Working data:
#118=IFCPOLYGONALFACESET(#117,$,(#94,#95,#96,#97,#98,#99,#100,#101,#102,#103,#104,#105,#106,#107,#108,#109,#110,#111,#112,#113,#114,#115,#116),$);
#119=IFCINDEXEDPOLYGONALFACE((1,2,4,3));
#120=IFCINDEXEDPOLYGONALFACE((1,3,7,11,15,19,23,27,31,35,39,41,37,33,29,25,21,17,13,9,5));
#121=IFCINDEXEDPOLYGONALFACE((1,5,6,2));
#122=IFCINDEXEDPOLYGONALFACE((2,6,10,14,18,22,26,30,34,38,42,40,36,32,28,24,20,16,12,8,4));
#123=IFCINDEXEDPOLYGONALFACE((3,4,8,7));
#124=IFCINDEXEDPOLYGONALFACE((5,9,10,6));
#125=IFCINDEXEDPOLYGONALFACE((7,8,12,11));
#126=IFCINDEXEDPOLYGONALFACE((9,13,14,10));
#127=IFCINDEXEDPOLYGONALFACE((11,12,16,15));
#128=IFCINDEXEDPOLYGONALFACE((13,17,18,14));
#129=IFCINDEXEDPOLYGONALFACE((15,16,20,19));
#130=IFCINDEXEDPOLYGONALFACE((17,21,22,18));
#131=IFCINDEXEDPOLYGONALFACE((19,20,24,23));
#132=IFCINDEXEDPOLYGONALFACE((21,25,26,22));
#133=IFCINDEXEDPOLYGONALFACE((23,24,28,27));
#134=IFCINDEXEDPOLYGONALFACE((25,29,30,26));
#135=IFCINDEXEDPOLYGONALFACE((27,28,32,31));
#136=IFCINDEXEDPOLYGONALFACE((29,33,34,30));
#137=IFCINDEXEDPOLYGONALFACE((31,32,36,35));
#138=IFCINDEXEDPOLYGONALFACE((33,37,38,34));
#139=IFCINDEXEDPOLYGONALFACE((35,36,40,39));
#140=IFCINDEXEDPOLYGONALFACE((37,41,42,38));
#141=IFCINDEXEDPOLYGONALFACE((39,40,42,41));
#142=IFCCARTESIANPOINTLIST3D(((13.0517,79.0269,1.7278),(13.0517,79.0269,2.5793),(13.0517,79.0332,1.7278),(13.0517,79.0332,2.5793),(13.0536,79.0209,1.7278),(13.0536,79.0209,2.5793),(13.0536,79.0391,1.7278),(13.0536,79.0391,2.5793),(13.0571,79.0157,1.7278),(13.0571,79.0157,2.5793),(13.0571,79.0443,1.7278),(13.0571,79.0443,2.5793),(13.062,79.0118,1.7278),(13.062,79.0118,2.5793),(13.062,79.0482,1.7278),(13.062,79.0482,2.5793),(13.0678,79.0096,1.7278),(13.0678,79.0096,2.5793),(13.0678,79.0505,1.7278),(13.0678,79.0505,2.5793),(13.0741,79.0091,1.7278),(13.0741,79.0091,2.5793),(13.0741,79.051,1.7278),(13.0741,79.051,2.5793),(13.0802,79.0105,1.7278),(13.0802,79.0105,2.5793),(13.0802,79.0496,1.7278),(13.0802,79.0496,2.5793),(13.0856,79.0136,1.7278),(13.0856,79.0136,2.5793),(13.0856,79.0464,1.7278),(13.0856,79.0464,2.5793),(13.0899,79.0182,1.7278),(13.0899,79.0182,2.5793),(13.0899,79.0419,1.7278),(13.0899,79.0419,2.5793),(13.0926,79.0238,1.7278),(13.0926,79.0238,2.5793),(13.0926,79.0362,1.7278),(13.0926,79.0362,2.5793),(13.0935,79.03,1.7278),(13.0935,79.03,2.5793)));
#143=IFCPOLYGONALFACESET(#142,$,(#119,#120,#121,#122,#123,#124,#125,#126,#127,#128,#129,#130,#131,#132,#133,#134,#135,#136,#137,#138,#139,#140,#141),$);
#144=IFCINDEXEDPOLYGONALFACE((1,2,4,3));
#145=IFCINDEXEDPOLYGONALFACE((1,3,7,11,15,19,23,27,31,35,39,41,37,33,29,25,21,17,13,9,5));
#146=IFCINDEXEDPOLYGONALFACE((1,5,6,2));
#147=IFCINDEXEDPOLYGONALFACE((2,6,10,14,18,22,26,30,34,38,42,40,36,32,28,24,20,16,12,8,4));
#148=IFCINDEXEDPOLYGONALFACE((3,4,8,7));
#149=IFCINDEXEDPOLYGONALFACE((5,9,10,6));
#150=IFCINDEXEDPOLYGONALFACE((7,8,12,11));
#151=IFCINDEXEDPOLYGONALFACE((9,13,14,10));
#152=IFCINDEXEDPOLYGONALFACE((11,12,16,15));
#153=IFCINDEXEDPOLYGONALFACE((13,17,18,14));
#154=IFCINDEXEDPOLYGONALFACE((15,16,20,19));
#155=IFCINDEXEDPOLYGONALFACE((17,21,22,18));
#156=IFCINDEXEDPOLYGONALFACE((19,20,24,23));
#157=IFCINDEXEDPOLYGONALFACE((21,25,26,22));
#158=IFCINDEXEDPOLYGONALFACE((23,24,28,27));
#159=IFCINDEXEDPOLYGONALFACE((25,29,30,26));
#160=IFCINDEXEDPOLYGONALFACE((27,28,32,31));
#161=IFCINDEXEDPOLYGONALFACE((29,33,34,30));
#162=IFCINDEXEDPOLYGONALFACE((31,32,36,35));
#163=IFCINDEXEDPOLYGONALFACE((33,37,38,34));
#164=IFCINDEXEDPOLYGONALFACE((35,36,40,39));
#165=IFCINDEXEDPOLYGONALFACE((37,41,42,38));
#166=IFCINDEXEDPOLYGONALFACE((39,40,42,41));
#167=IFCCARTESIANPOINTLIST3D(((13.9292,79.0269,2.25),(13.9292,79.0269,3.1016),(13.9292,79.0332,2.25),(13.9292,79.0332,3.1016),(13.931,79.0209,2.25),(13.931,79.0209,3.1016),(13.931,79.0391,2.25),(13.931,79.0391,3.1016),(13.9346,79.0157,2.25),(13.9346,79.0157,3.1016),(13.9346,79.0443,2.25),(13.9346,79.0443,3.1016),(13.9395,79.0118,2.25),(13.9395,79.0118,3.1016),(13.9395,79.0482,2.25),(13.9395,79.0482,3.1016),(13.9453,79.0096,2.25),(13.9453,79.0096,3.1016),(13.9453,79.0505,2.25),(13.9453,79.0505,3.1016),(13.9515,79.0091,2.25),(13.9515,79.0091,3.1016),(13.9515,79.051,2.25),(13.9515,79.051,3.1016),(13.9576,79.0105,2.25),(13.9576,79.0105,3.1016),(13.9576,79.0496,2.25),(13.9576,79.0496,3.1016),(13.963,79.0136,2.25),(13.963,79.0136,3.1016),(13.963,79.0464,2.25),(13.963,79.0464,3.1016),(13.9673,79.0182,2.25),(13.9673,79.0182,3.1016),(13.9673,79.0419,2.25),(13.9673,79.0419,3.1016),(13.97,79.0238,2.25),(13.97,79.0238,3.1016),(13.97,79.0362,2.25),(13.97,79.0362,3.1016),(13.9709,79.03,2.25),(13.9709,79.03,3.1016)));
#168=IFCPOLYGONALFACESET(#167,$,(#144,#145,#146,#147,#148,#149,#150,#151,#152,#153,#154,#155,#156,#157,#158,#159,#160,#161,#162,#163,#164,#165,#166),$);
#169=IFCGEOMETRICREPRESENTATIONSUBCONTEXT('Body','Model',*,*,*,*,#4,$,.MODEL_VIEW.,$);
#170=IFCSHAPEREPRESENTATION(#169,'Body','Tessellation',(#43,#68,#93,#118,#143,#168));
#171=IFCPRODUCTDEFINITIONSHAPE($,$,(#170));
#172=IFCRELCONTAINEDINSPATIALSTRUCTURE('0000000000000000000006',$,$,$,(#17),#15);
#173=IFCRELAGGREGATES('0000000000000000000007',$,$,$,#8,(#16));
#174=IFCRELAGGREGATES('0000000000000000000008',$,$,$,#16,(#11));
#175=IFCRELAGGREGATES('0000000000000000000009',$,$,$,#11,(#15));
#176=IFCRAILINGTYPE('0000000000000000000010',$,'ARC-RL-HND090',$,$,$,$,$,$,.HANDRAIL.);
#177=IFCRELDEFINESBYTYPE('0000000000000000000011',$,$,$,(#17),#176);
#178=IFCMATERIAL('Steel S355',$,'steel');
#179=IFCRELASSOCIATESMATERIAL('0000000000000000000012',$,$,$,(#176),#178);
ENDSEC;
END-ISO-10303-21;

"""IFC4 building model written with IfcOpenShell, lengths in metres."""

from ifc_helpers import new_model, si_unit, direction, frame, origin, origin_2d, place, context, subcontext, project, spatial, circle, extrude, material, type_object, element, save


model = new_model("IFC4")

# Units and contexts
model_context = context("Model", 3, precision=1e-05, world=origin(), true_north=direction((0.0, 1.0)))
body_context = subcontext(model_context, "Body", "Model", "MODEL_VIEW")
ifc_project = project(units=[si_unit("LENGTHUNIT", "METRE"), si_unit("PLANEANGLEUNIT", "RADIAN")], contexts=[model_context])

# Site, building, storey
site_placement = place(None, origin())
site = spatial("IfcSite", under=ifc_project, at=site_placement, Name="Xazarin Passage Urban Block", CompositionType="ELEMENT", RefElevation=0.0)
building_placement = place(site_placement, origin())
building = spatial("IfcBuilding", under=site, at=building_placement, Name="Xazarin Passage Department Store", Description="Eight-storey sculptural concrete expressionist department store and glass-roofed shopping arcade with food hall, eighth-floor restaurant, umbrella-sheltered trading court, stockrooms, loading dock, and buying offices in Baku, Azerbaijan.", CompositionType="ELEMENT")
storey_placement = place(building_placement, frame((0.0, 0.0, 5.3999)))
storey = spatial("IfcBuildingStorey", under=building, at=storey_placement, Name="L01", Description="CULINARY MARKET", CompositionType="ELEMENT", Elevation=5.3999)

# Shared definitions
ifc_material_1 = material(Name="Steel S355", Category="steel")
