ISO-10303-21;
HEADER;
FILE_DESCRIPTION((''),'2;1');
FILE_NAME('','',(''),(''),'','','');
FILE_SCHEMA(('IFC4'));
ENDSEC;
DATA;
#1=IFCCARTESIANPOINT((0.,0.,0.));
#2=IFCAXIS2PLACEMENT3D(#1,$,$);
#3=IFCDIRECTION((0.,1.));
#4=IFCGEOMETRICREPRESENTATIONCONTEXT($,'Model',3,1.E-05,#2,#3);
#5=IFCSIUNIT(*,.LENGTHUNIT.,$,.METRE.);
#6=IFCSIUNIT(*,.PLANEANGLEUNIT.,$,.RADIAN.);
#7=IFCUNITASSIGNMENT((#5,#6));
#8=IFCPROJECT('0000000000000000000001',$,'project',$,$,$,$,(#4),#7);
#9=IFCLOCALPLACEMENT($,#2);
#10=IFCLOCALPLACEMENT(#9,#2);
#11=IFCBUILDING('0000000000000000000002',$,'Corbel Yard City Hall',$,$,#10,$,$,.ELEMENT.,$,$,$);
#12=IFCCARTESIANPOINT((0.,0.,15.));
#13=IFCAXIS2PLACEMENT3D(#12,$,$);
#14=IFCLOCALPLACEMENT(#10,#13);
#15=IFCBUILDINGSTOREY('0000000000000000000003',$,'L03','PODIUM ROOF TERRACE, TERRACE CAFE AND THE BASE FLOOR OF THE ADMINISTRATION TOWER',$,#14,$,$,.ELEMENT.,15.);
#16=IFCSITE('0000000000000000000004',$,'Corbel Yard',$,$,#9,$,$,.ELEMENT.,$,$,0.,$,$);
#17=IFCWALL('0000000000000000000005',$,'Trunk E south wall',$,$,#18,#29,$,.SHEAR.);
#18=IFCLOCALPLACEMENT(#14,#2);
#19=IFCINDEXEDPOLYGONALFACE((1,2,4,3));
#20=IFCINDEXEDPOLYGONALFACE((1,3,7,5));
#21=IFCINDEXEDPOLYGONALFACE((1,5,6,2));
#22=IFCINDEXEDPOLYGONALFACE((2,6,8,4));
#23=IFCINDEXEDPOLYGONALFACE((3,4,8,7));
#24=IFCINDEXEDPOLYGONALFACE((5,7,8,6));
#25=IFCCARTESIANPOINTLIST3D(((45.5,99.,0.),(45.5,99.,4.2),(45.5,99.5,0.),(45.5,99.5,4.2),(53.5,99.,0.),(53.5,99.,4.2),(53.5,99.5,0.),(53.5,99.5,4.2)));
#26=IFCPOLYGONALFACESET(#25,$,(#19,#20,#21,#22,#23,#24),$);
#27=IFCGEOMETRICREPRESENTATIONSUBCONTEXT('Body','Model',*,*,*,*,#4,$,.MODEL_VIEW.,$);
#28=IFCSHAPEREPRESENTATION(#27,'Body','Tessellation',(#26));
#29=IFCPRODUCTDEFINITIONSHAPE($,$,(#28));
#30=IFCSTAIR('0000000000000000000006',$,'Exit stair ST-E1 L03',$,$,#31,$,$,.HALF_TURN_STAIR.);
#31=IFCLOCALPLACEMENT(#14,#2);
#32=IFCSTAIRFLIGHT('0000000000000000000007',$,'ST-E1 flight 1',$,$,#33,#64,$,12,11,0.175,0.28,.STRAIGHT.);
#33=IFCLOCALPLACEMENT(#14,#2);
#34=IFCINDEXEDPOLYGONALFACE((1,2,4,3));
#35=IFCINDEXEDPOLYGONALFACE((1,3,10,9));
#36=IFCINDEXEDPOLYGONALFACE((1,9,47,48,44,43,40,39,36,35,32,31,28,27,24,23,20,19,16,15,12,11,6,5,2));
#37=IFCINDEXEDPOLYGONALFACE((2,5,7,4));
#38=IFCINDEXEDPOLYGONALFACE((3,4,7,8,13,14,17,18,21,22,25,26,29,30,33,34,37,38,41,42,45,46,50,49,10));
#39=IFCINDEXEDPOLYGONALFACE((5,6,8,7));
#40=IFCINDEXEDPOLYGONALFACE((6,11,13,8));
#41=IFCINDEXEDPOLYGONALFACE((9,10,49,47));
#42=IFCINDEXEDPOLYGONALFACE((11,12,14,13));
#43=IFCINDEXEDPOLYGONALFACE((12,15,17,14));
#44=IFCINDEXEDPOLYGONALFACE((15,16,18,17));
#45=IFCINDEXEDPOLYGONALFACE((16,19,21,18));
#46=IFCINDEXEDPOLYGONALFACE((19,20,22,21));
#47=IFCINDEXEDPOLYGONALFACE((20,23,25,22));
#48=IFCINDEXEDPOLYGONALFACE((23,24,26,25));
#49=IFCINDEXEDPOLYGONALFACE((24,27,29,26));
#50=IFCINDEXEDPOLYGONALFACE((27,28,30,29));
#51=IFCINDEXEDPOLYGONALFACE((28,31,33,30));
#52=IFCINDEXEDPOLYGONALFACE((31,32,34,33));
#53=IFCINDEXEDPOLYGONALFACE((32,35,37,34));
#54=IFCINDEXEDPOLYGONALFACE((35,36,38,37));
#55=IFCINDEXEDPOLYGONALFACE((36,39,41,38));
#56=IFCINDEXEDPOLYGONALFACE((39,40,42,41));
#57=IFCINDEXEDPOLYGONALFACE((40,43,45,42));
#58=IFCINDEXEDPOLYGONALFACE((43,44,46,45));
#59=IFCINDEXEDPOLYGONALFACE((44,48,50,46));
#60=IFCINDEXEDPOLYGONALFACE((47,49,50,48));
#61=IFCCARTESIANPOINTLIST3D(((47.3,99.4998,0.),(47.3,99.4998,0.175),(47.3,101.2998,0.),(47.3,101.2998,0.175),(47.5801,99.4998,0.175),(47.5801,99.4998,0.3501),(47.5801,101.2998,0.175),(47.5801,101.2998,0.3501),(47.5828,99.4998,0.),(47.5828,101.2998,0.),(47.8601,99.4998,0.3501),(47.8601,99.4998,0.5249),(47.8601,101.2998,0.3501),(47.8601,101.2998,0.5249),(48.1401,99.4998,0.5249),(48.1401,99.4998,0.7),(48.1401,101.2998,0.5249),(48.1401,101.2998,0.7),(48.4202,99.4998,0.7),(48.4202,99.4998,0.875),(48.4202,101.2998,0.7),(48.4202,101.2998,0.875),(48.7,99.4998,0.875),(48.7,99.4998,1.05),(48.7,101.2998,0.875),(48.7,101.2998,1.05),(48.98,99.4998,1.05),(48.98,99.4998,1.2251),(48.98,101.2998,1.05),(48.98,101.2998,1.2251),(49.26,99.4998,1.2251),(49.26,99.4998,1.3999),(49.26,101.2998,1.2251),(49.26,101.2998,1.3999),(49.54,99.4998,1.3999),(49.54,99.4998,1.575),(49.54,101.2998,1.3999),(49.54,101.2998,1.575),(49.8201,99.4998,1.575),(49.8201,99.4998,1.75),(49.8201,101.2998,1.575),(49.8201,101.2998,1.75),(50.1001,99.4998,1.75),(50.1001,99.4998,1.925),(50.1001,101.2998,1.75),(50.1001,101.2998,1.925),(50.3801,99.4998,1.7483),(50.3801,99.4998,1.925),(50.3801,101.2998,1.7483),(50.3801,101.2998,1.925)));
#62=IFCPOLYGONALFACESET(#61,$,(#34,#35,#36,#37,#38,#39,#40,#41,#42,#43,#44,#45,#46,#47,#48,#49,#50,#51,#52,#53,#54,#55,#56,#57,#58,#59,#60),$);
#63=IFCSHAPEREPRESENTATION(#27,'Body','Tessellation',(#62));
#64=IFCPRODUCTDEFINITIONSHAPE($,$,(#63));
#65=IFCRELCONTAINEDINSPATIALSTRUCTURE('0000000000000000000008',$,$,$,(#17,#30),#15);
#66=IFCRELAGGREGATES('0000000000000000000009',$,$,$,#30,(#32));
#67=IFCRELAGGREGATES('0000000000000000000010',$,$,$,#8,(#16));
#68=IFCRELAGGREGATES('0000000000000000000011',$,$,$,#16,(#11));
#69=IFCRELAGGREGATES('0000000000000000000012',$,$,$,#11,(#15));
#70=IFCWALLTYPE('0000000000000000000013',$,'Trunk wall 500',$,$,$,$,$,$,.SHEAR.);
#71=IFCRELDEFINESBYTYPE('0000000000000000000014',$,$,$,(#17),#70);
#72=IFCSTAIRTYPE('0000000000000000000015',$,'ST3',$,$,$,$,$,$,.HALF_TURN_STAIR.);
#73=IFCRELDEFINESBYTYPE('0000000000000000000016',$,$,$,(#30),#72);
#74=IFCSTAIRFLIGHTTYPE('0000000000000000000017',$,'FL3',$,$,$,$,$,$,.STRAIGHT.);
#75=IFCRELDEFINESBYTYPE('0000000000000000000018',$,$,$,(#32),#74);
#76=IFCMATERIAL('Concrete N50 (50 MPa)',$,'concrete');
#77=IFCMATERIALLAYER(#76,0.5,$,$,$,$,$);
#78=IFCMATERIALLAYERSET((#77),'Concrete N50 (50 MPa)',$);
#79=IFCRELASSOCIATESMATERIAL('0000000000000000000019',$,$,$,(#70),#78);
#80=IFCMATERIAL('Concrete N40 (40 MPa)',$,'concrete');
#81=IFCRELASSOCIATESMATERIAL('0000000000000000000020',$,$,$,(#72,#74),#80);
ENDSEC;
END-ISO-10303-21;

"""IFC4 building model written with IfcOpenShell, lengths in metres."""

from ifc_helpers import new_model, si_unit, direction, frame, frame_2d, origin, place, context, subcontext, project, spatial, polyline, rectangle, outline, extrude, material, layer, layer_set, type_object, element, aggregate, save


model = new_model("IFC4")

# Units and contexts
model_context = context("Model", 3, precision=1e-05, world=origin(), true_north=direction((0.0, 1.0)))
body_context = subcontext(model_context, "Body", "Model", "MODEL_VIEW")
ifc_project = project(units=[si_unit("LENGTHUNIT", "METRE"), si_unit("PLANEANGLEUNIT", "RADIAN")], contexts=[model_context])

# Site, building, storey
site_placement = place(None, origin())
site = spatial("IfcSite", under=ifc_project, at=site_placement, Name="Corbel Yard", CompositionType="ELEMENT", RefElevation=0.0)
building_placement = place(site_placement, origin())
building = spatial("IfcBuilding", under=site, at=building_placement, Name="Corbel Yard City Hall", CompositionType="ELEMENT")
storey_placement = place(building_placement, frame((0.0, 0.0, 15.0)))
storey = spatial("IfcBuildingStorey", under=building, at=storey_placement, Name="L03", Description="PODIUM ROOF TERRACE, TERRACE CAFE AND THE BASE FLOOR OF THE ADMINISTRATION TOWER", CompositionType="ELEMENT", Elevation=15.0)

# Shared definitions
ifc_material_1 = material(Name="Concrete N40 (40 MPa)", Category="concrete")

# Shared definitions
ifc_material_2 = material(Name="Concrete N50 (50 MPa)", Category="concrete")
ifc_layer_1 = layer(ifc_material_2, 0.5)
ifc_layer_set_1 = layer_set([ifc_layer_1], Name="Concrete N50 (50 MPa)")
wall_type_1 = type_object("IfcWallType", Name="Trunk wall 500", PredefinedType="SHEAR", material=ifc_layer_set_1)

# Wall
wall_1_placement = place(storey_placement, frame((45.5, 99.25, 0.0), z_axis=(0.0, 0.0, 1.0), x_axis=(1.0, 0.0, 0.0)))
element("IfcWall", 1, at=wall_1_placement, inside=storey, type_object=wall_type_1, Name="Trunk E south wall", PredefinedType="SHEAR", context=body_context, shape_type="SweptSolid", body=[
    extrude(rectangle(XDim=8.0, YDim=0.5, at=frame_2d((4.0, 0.0))), origin(), (0.0, 0.0, 1.0), 4.2),
])

# Stair, stair flight
stair_type = type_object("IfcStairType", Name="ST3", PredefinedType="HALF_TURN_STAIR", material=ifc_material_1)
stair_placement = place(storey_placement, origin())
stair = element("IfcStair", 2, at=stair_placement, inside=storey, type_object=stair_type, Name="Exit stair ST-E1 L03", PredefinedType="HALF_TURN_STAIR")
stair_flight_type = type_object("IfcStairFlightType", Name="FL3", PredefinedType="STRAIGHT", material=ifc_material_1)
stair_flight_placement = place(storey_placement, frame((47.3, 100.3999, 0.0), z_axis=(0.0, 0.0, 1.0), x_axis=(1.0, 0.0, 0.0)))
stair_flight = element("IfcStairFlight", 3, at=stair_flight_placement, type_object=stair_flight_type, Name="ST-E1 flight 1", NumberOfRisers=12, NumberOfTreads=11, PredefinedType="STRAIGHT", RiserHeight=0.175, TreadLength=0.28, context=body_context, shape_type="SweptSolid", body=[
    extrude(outline(polyline([(0.0, 0.0), (0.0, 0.175), (0.28, 0.175), (0.28, 0.3501), (0.5601, 0.3501), (0.5601, 0.5249), (0.8401, 0.5249), (0.8401, 0.7), (1.1201, 0.7), (1.1201, 0.875), (1.3999, 0.875), (1.3999, 1.05), (1.6799, 1.05), (1.6799, 1.2251), (1.96, 1.2251), (1.96, 1.3999), (2.24, 1.3999), (2.24, 1.575), (2.52, 1.575), (2.52, 1.75), (2.8, 1.75), (2.8, 1.925), (3.0801, 1.925), (3.0801, 2.1001), (3.0801, 1.7483), (0.2827, 0.0), (0.0, 0.0)])), frame((0.0, 0.8999, 0.0), z_axis=(0.0, -1.0, 0.0), x_axis=(1.0, 0.0, 0.0)), (0.0, 0.0, 1.0), 1.8),
])
aggregate(stair, [stair_flight])

save(model, "model.ifc")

What is needed:
Using the material above, transcribe exactly the lines from the line with "#4=IFCGEOMETRICREPRESENTATIONCONTEXT($,'Model',3,1.E-05,#2,#3);" to the line with "#26=IFCPOLYGONALFACESET(#25,$,(#19,#20,#21,#22,#23,#24),$);"; both count, and nothing else goes in.

Response:
#4=IFCGEOMETRICREPRESENTATIONCONTEXT($,'Model',3,1.E-05,#2,#3);
#5=IFCSIUNIT(*,.LENGTHUNIT.,$,.METRE.);
#6=IFCSIUNIT(*,.PLANEANGLEUNIT.,$,.RADIAN.);
#7=IFCUNITASSIGNMENT((#5,#6));
#8=IFCPROJECT('0000000000000000000001',$,'project',$,$,$,$,(#4),#7);
#9=IFCLOCALPLACEMENT($,#2);
#10=IFCLOCALPLACEMENT(#9,#2);
#11=IFCBUILDING('0000000000000000000002',$,'Corbel Yard City Hall',$,$,#10,$,$,.ELEMENT.,$,$,$);
#12=IFCCARTESIANPOINT((0.,0.,15.));
#13=IFCAXIS2PLACEMENT3D(#12,$,$);
#14=IFCLOCALPLACEMENT(#10,#13);
#15=IFCBUILDINGSTOREY('0000000000000000000003',$,'L03','PODIUM ROOF TERRACE, TERRACE CAFE AND THE BASE FLOOR OF THE ADMINISTRATION TOWER',$,#14,$,$,.ELEMENT.,15.);
#16=IFCSITE('0000000000000000000004',$,'Corbel Yard',$,$,#9,$,$,.ELEMENT.,$,$,0.,$,$);
#17=IFCWALL('0000000000000000000005',$,'Trunk E south wall',$,$,#18,#29,$,.SHEAR.);
#18=IFCLOCALPLACEMENT(#14,#2);
#19=IFCINDEXEDPOLYGONALFACE((1,2,4,3));
#20=IFCINDEXEDPOLYGONALFACE((1,3,7,5));
#21=IFCINDEXEDPOLYGONALFACE((1,5,6,2));
#22=IFCINDEXEDPOLYGONALFACE((2,6,8,4));
#23=IFCINDEXEDPOLYGONALFACE((3,4,8,7));
#24=IFCINDEXEDPOLYGONALFACE((5,7,8,6));
#25=IFCCARTESIANPOINTLIST3D(((45.5,99.,0.),(45.5,99.,4.2),(45.5,99.5,0.),(45.5,99.5,4.2),(53.5,99.,0.),(53.5,99.,4.2),(53.5,99.5,0.),(53.5,99.5,4.2)));
#26=IFCPOLYGONALFACESET(#25,$,(#19,#20,#21,#22,#23,#24),$);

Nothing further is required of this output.